-- Data entries --

+ + + + +

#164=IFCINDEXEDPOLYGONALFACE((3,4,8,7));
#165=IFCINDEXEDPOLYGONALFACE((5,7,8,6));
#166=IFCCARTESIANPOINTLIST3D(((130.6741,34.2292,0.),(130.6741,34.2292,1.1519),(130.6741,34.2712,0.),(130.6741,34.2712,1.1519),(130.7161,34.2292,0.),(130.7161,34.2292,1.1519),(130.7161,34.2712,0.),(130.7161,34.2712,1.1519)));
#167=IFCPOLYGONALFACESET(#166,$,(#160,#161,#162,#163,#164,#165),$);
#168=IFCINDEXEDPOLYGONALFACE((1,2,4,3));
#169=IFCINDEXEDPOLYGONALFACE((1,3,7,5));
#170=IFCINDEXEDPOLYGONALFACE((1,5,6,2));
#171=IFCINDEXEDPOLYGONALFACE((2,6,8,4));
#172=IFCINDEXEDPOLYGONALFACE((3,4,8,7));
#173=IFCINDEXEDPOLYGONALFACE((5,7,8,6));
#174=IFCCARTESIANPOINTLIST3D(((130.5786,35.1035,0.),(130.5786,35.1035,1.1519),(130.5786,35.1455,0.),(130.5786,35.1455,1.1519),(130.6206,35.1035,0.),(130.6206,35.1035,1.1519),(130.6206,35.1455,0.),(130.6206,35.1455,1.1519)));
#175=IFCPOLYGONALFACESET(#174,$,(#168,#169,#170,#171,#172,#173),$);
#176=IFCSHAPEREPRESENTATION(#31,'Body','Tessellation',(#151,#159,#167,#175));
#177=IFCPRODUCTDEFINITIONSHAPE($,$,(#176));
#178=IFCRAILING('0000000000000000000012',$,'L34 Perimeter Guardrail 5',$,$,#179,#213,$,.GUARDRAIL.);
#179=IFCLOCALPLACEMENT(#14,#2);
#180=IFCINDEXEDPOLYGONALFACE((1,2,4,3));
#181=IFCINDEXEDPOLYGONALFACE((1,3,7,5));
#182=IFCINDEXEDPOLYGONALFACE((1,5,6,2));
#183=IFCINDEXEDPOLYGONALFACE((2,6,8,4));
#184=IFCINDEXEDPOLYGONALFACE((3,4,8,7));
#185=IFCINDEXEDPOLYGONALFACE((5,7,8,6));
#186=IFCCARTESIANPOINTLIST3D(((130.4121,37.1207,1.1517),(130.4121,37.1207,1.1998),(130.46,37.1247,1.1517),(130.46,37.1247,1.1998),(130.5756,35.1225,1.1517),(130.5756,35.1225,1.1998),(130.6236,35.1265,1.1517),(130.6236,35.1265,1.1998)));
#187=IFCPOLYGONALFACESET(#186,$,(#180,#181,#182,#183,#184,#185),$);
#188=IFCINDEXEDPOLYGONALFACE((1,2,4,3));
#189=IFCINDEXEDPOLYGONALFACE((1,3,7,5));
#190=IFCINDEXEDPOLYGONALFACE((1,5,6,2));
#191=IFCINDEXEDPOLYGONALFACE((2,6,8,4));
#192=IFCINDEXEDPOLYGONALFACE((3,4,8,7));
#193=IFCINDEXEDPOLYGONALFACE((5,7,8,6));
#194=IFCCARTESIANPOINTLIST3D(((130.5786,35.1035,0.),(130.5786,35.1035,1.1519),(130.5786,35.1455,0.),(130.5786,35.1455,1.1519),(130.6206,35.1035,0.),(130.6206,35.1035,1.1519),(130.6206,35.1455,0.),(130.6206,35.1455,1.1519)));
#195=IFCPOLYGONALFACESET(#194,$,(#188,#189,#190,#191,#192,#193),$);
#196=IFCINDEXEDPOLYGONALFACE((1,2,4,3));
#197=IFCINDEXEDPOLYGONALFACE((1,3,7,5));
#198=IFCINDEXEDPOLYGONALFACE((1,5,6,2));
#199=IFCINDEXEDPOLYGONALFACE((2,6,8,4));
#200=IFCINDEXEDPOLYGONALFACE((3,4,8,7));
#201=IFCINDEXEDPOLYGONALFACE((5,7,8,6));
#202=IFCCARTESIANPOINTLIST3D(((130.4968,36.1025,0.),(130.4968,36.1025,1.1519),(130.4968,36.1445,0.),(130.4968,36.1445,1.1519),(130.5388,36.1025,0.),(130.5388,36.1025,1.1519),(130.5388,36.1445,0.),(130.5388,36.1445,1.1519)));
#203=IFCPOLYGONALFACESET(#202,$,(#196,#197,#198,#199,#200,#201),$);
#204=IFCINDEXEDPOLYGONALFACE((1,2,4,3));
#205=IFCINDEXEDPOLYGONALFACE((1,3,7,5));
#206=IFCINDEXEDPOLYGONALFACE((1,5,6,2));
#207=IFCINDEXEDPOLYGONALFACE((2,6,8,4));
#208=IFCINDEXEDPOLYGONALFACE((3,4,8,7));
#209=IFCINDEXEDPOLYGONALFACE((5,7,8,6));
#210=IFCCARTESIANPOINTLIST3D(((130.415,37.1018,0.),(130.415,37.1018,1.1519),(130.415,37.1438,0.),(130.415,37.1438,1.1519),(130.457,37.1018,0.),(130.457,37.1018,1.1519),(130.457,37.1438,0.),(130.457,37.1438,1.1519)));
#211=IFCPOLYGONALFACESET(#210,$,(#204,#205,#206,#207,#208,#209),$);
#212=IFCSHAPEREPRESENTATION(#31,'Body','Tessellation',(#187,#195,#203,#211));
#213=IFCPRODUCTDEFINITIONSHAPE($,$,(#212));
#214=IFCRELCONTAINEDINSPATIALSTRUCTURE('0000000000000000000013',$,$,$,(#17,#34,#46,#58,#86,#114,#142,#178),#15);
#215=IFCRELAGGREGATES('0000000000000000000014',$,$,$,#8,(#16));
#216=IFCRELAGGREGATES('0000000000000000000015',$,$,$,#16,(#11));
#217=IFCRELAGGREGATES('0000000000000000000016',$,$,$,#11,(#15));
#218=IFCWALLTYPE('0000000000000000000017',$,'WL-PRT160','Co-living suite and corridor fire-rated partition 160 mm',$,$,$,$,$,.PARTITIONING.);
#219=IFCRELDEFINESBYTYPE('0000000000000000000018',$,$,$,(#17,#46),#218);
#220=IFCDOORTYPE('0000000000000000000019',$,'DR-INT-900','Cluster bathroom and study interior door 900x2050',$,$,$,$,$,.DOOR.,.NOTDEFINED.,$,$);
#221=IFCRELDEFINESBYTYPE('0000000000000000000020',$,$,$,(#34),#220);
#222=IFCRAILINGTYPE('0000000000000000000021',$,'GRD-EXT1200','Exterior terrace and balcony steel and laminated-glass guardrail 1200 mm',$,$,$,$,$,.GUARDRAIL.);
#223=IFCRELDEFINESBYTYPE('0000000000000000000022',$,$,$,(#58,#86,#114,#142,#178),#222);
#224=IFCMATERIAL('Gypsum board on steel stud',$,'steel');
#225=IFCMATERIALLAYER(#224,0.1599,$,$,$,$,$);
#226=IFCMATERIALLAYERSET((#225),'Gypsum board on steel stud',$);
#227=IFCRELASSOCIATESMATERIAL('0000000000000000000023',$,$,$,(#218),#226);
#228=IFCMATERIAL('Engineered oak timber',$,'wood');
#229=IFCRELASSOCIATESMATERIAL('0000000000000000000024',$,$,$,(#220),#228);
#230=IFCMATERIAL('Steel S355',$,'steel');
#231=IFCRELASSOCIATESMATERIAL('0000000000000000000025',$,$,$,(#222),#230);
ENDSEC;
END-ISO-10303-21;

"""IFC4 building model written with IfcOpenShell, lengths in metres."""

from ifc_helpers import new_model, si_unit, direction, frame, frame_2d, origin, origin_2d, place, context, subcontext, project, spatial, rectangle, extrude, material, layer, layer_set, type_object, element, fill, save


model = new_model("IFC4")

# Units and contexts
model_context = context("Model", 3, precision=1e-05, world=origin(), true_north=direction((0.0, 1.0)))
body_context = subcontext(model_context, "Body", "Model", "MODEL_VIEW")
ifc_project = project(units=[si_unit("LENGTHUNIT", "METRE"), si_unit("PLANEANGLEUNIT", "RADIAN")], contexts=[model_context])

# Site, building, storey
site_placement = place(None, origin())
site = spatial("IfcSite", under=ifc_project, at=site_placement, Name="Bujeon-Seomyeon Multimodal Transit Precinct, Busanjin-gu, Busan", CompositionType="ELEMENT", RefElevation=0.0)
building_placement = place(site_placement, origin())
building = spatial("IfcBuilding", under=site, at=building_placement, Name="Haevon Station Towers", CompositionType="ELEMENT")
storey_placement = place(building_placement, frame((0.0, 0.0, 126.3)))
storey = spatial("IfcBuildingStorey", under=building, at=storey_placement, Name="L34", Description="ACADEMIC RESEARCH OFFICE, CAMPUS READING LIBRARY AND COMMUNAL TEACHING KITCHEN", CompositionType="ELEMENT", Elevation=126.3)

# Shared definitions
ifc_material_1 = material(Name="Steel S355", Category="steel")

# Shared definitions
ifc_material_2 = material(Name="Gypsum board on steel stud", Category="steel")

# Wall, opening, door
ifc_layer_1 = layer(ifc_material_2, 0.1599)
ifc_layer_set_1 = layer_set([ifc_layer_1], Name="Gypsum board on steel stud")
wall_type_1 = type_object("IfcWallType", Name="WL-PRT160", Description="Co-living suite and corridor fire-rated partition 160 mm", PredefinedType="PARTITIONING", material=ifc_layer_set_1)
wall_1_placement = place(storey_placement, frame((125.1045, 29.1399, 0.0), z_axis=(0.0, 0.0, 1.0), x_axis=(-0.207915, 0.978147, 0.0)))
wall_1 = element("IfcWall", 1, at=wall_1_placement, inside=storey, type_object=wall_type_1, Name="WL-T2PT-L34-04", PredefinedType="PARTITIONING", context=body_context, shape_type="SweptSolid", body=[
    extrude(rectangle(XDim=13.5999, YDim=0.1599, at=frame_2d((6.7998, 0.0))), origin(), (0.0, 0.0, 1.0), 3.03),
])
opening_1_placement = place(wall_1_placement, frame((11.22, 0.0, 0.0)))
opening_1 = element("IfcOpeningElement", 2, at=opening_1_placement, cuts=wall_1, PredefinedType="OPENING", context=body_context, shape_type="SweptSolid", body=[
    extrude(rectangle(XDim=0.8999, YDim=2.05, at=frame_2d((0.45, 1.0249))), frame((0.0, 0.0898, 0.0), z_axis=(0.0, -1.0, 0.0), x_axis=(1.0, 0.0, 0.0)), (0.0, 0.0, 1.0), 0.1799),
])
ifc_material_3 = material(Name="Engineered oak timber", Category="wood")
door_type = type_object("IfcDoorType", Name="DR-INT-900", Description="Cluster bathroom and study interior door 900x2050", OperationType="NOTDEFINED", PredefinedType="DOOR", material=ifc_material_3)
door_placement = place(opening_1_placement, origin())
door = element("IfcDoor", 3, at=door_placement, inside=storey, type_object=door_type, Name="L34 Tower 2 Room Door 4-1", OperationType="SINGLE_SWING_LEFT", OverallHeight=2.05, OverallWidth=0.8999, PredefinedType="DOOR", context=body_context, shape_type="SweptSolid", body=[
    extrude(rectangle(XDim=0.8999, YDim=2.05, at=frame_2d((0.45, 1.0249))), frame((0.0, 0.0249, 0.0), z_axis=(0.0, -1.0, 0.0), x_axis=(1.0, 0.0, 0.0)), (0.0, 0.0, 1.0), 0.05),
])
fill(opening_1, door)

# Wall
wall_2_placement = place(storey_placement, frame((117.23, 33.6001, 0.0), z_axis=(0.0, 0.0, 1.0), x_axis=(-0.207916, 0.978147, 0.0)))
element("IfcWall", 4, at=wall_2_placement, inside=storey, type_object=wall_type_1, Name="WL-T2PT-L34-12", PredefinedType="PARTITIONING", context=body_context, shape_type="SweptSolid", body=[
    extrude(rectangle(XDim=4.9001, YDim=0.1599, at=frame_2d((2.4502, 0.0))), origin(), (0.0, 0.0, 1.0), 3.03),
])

+ + + + +

-- Description of the task --
In how many lines of the records does the word "IFCPOLYGONALFACESET" occur? Reply with the number only.

-- Output for this task --
6